Exercise material>
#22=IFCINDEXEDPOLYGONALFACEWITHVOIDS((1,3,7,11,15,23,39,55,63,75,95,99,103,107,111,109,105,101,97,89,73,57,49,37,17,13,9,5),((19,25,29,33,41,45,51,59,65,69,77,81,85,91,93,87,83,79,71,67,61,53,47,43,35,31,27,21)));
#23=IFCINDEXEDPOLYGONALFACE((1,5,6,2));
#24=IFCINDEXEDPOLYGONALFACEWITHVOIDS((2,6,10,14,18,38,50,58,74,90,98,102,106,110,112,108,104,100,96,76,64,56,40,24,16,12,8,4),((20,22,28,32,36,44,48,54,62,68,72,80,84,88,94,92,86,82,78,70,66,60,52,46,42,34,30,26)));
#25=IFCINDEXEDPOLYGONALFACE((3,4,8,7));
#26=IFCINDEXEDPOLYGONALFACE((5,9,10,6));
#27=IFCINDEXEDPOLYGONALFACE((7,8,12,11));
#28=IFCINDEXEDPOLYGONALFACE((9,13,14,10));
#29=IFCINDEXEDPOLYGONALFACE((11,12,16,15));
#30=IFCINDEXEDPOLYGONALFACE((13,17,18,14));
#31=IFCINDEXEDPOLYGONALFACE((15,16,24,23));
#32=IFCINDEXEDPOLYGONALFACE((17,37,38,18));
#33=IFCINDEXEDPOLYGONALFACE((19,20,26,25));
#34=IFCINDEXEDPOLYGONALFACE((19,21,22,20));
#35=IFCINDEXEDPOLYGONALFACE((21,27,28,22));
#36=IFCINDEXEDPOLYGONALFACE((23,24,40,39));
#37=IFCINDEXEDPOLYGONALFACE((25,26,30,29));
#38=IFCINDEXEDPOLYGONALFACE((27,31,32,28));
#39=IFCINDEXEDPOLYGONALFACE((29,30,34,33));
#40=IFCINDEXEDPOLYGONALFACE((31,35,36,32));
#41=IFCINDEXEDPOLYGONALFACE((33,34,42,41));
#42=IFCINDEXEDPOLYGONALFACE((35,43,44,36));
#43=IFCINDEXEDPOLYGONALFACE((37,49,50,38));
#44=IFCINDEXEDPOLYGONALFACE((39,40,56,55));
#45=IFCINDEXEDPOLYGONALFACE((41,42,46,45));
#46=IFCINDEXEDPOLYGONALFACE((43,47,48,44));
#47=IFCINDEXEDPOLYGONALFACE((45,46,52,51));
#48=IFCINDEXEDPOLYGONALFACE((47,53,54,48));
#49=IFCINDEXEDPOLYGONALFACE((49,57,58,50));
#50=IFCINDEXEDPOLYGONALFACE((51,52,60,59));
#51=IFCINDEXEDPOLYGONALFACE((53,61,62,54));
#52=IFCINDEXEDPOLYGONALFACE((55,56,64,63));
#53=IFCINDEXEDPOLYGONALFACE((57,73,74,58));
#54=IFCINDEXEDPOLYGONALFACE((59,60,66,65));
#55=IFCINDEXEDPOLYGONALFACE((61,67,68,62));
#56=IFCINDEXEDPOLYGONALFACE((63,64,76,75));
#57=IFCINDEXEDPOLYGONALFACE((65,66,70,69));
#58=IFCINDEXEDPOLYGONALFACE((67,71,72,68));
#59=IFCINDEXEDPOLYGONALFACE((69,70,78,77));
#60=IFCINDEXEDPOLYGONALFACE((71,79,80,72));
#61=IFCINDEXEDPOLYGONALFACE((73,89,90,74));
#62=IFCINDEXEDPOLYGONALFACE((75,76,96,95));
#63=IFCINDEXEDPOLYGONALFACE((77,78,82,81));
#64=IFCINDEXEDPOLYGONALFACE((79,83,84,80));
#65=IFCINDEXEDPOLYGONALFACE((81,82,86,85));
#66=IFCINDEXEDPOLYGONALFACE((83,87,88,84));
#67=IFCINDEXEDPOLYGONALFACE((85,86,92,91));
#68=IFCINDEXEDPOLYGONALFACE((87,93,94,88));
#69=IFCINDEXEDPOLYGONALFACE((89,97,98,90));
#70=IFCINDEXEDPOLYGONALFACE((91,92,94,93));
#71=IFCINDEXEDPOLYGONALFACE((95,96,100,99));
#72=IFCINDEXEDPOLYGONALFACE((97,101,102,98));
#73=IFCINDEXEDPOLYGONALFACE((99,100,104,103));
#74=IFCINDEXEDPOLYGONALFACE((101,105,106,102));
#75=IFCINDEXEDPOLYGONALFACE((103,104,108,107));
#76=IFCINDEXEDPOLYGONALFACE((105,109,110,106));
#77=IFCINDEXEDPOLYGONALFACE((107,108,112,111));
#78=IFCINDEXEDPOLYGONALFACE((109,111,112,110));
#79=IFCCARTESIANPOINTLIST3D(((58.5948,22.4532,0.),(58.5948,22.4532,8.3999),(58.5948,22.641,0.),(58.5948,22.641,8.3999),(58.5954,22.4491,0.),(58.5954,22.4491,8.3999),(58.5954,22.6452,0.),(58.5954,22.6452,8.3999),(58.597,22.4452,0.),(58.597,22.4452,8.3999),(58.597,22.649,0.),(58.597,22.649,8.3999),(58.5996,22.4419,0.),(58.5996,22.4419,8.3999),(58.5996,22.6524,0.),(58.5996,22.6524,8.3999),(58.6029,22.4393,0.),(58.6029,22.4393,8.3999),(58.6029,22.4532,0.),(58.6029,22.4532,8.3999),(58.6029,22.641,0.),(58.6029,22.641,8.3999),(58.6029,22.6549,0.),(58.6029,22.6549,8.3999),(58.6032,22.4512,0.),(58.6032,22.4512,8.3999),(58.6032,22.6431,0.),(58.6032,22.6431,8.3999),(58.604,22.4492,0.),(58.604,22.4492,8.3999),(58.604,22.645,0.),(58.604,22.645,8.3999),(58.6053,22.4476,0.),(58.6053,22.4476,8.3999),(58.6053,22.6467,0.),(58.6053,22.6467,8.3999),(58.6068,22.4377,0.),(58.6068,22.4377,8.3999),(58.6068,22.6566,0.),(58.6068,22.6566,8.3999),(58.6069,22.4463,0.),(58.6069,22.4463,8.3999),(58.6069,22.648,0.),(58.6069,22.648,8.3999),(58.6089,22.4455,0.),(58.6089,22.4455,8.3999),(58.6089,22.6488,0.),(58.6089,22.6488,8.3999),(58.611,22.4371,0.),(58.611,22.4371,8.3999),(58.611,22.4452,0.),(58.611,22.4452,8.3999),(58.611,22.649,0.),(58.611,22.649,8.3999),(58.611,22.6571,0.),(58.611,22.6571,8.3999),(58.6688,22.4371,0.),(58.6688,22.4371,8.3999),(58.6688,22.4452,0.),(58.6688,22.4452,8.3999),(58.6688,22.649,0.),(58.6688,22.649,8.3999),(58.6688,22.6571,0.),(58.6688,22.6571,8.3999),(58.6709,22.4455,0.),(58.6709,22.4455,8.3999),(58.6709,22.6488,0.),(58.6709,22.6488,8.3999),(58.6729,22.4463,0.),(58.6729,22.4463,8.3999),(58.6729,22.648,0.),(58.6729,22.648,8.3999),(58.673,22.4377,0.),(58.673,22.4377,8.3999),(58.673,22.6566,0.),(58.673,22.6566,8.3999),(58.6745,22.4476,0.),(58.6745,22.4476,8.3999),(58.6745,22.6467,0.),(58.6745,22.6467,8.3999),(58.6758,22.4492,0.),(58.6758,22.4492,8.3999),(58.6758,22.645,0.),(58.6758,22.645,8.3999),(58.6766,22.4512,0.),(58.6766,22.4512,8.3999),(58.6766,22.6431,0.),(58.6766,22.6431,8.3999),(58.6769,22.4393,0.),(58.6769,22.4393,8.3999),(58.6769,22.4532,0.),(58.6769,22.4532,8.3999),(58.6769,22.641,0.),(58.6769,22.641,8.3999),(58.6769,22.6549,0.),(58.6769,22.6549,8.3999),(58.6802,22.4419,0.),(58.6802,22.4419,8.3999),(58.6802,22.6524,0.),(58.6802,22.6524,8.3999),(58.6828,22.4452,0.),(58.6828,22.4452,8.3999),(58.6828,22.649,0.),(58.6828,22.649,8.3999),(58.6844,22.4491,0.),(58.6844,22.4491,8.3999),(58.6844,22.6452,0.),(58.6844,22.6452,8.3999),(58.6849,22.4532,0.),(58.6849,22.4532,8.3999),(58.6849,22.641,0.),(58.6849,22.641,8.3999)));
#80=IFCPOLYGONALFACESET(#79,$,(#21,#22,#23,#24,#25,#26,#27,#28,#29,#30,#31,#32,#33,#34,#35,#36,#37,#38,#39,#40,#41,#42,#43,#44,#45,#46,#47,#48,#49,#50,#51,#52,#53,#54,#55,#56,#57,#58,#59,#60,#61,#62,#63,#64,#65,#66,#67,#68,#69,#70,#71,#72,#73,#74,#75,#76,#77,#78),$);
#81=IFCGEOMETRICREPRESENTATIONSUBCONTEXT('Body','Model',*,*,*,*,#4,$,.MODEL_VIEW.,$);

Brief> Please give back, exactly as it stands above, the stretch from the line with "#40=IFCINDEXEDPOLYGONALFACE((31,35,36,32));" through the line with "#72=IFCINDEXEDPOLYGONALFACE((97,101,102,98));", and no line outside it.

Output below>
#40=IFCINDEXEDPOLYGONALFACE((31,35,36,32));
#41=IFCINDEXEDPOLYGONALFACE((33,34,42,41));
#42=IFCINDEXEDPOLYGONALFACE((35,43,44,36));
#43=IFCINDEXEDPOLYGONALFACE((37,49,50,38));
#44=IFCINDEXEDPOLYGONALFACE((39,40,56,55));
#45=IFCINDEXEDPOLYGONALFACE((41,42,46,45));
#46=IFCINDEXEDPOLYGONALFACE((43,47,48,44));
#47=IFCINDEXEDPOLYGONALFACE((45,46,52,51));
#48=IFCINDEXEDPOLYGONALFACE((47,53,54,48));
#49=IFCINDEXEDPOLYGONALFACE((49,57,58,50));
#50=IFCINDEXEDPOLYGONALFACE((51,52,60,59));
#51=IFCINDEXEDPOLYGONALFACE((53,61,62,54));
#52=IFCINDEXEDPOLYGONALFACE((55,56,64,63));
#53=IFCINDEXEDPOLYGONALFACE((57,73,74,58));
#54=IFCINDEXEDPOLYGONALFACE((59,60,66,65));
#55=IFCINDEXEDPOLYGONALFACE((61,67,68,62));
#56=IFCINDEXEDPOLYGONALFACE((63,64,76,75));
#57=IFCINDEXEDPOLYGONALFACE((65,66,70,69));
#58=IFCINDEXEDPOLYGONALFACE((67,71,72,68));
#59=IFCINDEXEDPOLYGONALFACE((69,70,78,77));
#60=IFCINDEXEDPOLYGONALFACE((71,79,80,72));
#61=IFCINDEXEDPOLYGONALFACE((73,89,90,74));
#62=IFCINDEXEDPOLYGONALFACE((75,76,96,95));
#63=IFCINDEXEDPOLYGONALFACE((77,78,82,81));
#64=IFCINDEXEDPOLYGONALFACE((79,83,84,80));
#65=IFCINDEXEDPOLYGONALFACE((81,82,86,85));
#66=IFCINDEXEDPOLYGONALFACE((83,87,88,84));
#67=IFCINDEXEDPOLYGONALFACE((85,86,92,91));
#68=IFCINDEXEDPOLYGONALFACE((87,93,94,88));
#69=IFCINDEXEDPOLYGONALFACE((89,97,98,90));
#70=IFCINDEXEDPOLYGONALFACE((91,92,94,93));
#71=IFCINDEXEDPOLYGONALFACE((95,96,100,99));
#72=IFCINDEXEDPOLYGONALFACE((97,101,102,98));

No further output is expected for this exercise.